**Problem:**
If a line in the records below contains the word "Category", copy it out.

(Saved data entries)
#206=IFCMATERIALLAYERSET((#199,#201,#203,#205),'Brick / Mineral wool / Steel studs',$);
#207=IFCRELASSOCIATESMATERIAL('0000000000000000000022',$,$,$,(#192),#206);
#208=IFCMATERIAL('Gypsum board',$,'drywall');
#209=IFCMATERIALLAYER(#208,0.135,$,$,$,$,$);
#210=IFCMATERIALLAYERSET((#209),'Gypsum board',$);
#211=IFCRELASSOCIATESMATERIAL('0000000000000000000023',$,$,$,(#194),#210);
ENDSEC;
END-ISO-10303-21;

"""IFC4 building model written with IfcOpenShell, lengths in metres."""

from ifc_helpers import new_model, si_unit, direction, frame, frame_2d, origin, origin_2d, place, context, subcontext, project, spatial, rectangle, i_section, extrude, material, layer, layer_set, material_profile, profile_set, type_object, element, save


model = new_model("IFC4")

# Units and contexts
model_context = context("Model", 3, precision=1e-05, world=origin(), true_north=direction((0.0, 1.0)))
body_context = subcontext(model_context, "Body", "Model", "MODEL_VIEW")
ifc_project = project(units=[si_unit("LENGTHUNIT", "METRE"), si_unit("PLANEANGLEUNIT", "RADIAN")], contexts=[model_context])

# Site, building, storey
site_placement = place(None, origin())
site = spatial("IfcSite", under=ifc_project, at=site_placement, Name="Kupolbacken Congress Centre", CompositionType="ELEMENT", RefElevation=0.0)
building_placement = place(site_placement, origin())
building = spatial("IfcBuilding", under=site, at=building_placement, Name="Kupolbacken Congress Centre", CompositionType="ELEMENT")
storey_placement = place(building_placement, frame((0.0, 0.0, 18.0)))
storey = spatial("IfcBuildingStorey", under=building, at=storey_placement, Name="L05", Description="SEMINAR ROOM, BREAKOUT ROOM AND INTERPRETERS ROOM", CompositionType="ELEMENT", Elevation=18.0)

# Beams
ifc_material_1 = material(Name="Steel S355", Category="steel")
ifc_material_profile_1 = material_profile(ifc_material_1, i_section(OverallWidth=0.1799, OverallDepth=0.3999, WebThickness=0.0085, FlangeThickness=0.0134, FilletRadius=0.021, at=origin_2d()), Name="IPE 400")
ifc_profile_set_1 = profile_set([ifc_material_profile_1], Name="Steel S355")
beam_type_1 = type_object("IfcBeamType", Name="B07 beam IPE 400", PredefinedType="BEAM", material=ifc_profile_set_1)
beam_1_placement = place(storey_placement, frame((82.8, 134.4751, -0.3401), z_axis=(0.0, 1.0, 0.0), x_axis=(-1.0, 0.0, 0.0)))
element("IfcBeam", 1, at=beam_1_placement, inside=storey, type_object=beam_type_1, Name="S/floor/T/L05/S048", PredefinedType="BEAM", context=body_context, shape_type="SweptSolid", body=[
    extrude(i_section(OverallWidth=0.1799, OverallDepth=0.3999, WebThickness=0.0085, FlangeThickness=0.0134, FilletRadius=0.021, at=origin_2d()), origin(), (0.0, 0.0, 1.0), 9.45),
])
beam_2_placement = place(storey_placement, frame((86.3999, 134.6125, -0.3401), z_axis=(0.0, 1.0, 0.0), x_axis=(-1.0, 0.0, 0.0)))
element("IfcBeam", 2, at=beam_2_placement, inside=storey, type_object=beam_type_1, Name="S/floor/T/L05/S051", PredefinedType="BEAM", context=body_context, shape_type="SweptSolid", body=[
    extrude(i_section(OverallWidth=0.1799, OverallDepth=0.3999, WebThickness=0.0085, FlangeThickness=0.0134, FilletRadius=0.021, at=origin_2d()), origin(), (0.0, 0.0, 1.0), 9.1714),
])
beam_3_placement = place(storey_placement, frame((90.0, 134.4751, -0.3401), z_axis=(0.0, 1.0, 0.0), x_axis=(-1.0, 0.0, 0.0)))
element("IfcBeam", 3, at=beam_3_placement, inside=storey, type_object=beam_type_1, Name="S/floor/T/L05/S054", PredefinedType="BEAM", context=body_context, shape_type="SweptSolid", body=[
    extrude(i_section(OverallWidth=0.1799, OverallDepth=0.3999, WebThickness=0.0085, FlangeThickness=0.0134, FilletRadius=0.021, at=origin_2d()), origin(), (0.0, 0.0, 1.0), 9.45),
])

--

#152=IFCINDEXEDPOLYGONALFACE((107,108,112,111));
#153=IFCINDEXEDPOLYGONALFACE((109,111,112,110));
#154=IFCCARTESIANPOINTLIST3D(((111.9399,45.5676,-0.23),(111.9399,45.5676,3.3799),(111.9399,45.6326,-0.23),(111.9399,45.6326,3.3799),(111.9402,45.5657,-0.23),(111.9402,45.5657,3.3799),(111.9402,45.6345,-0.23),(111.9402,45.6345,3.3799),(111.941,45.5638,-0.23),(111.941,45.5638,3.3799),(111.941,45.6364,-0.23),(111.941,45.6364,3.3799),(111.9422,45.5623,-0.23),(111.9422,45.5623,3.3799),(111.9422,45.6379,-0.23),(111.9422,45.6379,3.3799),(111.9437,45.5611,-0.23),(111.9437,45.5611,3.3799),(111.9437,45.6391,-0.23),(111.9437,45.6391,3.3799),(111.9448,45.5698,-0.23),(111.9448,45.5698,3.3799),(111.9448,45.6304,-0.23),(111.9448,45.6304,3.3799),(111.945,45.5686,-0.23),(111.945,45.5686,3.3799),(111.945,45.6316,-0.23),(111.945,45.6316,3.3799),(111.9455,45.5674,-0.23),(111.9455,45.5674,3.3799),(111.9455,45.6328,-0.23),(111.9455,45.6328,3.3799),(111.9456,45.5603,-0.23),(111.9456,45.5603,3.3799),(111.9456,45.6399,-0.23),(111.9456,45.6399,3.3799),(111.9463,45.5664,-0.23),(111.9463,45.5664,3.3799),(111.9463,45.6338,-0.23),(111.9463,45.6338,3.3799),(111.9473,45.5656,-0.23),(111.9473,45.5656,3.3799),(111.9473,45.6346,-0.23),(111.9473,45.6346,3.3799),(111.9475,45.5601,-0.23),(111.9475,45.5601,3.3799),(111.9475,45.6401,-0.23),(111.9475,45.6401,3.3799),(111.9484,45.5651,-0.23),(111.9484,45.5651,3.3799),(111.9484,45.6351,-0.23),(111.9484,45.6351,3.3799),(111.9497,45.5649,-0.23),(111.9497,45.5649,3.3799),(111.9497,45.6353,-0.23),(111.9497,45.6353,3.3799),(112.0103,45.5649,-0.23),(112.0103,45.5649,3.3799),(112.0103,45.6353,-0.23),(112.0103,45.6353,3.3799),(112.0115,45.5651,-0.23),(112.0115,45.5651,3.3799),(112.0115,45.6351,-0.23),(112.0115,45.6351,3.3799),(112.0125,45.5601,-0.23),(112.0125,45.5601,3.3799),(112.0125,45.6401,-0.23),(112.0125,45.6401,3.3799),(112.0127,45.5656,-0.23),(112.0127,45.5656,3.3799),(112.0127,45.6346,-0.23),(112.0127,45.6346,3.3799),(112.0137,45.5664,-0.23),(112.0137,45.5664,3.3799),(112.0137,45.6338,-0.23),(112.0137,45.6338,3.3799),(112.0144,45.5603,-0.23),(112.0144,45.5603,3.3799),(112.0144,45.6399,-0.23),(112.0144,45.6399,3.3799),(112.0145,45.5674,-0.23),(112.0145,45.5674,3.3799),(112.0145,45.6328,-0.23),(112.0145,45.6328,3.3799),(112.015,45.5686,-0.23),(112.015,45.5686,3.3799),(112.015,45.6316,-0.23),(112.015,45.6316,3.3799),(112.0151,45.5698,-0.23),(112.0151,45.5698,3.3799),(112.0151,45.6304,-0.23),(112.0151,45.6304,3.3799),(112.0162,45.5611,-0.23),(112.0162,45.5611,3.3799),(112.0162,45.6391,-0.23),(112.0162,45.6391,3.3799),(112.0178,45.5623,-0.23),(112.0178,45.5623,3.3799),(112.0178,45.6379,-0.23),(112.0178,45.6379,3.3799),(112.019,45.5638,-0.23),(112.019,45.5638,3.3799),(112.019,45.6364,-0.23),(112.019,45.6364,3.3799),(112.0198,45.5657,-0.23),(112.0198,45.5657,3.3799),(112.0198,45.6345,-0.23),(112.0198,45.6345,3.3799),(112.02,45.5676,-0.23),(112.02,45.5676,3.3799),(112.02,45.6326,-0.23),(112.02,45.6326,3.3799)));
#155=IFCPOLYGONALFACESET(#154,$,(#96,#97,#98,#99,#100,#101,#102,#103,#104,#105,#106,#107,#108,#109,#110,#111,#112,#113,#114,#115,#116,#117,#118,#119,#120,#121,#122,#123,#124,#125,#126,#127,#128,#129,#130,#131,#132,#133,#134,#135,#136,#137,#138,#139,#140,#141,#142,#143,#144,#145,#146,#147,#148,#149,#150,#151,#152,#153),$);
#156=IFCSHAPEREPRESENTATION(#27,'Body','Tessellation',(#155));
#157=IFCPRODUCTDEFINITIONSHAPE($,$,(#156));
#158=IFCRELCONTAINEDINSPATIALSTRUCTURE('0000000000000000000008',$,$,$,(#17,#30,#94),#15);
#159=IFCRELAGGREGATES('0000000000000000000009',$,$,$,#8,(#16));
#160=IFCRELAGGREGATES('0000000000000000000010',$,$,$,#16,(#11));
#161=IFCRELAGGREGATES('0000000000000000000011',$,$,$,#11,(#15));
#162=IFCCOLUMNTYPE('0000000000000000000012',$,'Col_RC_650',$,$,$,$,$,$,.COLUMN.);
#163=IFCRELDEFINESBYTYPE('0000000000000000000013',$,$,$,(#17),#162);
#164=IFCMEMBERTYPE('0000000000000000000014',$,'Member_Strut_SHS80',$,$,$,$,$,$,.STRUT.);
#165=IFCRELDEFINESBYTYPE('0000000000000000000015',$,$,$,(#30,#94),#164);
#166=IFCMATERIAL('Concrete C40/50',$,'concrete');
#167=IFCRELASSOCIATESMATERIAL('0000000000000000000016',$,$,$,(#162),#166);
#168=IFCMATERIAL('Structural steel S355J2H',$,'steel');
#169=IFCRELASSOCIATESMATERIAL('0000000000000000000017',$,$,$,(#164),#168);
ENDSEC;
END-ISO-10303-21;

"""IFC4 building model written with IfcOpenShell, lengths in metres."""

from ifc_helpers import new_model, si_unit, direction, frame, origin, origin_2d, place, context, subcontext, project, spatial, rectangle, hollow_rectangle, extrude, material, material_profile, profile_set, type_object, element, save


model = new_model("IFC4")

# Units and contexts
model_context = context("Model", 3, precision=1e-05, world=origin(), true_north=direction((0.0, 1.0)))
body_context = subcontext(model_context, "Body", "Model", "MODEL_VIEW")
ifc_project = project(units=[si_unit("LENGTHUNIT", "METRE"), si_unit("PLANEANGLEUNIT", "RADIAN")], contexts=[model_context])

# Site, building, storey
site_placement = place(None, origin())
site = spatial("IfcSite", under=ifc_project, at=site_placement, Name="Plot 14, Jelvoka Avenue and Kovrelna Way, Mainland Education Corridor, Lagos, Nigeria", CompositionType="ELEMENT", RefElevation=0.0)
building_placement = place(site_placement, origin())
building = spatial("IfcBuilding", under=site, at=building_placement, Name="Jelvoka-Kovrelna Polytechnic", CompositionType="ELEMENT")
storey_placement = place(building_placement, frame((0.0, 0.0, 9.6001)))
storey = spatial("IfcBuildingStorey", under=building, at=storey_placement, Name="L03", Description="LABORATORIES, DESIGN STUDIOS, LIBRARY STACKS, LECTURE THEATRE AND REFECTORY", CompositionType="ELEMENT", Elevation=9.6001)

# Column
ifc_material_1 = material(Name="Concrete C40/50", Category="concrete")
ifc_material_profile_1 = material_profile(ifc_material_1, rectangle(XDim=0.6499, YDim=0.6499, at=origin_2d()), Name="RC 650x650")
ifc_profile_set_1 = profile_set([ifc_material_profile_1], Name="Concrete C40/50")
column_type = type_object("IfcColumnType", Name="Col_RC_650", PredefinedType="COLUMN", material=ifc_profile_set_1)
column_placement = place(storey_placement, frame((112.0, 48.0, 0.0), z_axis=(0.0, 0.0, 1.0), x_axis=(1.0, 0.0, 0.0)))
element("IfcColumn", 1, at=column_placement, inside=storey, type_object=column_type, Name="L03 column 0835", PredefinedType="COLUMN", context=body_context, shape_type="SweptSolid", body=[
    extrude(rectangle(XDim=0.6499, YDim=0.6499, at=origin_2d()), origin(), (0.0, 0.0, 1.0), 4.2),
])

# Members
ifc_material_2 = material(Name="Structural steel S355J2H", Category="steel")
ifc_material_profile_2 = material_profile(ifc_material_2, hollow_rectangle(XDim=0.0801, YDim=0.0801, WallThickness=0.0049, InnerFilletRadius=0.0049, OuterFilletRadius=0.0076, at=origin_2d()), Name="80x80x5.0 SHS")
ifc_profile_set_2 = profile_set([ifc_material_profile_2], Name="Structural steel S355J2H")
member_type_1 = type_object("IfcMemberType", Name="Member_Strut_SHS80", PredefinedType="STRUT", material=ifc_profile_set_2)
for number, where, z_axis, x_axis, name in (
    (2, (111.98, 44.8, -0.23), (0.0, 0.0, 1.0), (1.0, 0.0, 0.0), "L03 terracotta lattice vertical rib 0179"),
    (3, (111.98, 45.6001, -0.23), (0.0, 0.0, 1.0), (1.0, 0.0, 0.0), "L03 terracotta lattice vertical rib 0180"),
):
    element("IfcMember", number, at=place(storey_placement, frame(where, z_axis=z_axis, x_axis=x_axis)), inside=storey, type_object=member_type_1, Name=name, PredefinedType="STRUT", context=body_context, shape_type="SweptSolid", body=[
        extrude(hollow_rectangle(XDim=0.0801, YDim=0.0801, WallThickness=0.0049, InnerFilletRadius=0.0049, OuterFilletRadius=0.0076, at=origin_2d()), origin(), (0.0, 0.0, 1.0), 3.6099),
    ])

==

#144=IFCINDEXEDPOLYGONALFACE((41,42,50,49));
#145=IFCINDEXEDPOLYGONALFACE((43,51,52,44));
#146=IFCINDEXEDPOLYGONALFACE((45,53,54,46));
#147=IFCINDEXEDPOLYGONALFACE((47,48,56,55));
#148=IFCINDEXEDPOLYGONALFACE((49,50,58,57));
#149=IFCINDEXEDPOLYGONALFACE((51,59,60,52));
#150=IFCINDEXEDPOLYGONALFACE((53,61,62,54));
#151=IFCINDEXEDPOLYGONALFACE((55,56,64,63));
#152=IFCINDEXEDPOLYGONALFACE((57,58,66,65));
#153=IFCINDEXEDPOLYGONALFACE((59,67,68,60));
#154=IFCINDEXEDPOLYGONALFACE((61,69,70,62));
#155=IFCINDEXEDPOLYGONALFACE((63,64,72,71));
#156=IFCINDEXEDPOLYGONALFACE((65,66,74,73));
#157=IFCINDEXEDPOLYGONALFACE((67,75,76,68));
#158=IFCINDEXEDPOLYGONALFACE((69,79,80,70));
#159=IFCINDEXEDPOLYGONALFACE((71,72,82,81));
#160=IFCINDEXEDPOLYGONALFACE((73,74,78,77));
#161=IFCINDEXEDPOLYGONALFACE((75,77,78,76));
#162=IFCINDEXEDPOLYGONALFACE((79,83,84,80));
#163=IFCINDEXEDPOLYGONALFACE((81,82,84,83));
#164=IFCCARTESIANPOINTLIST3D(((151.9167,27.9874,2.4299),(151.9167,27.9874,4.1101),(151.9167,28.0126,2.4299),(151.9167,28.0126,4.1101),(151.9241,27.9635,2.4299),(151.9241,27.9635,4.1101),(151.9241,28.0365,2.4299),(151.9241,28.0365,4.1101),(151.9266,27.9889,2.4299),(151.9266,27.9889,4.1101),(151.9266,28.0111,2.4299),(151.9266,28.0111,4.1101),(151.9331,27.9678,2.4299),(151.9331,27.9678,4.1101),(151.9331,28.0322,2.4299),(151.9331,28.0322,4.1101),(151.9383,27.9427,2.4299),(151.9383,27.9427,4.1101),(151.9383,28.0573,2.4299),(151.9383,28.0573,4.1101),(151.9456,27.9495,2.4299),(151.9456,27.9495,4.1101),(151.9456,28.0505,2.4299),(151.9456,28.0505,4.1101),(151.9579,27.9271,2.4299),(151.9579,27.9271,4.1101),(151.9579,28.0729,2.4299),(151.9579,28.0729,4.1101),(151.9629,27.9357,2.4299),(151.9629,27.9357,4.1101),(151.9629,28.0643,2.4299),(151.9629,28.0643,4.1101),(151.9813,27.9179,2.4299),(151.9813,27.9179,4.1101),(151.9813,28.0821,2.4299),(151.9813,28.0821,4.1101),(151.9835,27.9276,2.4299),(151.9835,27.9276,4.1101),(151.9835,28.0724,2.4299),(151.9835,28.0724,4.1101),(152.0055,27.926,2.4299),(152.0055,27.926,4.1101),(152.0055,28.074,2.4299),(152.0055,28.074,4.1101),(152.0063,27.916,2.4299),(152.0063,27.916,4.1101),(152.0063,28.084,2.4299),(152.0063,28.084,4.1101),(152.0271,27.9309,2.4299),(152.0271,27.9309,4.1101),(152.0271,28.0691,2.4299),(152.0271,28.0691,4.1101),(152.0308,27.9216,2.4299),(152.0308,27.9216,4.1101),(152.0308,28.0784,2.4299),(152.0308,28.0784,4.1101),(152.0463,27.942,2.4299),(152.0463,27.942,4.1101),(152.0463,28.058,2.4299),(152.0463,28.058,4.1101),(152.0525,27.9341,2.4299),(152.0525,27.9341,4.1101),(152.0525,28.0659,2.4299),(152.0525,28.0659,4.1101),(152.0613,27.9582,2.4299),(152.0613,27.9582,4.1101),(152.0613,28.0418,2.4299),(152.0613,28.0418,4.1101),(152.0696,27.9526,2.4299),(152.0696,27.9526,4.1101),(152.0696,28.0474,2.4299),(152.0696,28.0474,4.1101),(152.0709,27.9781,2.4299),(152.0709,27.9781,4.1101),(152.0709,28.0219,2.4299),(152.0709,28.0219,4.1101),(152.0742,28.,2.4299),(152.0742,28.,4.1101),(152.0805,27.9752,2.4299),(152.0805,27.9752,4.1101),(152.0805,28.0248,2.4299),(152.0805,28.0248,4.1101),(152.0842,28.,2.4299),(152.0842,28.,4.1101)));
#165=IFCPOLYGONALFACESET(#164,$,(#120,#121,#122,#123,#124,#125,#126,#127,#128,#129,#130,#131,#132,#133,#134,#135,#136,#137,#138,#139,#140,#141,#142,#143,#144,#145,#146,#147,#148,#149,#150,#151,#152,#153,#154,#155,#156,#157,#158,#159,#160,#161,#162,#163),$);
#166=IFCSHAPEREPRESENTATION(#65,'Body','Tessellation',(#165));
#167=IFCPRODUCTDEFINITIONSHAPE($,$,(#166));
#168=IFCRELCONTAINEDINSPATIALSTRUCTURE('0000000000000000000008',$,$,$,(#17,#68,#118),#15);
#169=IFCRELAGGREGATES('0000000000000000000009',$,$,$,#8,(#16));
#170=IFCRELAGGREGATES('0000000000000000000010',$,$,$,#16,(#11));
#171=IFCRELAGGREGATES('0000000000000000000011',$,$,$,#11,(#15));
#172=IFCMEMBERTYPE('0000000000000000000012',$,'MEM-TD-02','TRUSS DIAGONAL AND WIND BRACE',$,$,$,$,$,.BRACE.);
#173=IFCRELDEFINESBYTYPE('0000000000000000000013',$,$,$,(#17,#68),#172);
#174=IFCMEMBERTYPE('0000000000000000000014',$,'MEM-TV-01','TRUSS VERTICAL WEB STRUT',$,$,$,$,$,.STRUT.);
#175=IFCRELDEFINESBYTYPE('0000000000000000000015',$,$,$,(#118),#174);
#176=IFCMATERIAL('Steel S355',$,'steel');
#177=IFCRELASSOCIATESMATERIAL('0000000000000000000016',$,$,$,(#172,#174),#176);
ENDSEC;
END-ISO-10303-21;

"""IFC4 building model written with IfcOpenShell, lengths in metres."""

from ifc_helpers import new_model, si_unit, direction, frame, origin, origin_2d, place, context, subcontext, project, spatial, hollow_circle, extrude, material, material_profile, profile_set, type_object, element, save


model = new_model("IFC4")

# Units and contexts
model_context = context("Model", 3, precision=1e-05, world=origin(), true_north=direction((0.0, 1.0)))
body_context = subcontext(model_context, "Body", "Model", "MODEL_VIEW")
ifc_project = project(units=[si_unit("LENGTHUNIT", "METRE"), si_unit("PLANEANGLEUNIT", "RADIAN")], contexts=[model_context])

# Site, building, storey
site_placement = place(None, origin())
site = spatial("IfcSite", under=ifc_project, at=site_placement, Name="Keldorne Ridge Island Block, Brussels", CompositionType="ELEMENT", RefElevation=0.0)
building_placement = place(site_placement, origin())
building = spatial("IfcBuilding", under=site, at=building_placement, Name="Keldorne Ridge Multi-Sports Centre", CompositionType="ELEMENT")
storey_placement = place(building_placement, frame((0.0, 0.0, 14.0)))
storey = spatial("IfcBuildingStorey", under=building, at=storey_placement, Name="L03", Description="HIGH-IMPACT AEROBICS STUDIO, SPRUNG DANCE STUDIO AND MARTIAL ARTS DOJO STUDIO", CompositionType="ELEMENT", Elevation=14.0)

**Problem solution:**
ifc_material_1 = material(Name="Steel S355", Category="steel")
ifc_material_1 = material(Name="Concrete C40/50", Category="concrete")
ifc_material_2 = material(Name="Structural steel S355J2H", Category="steel")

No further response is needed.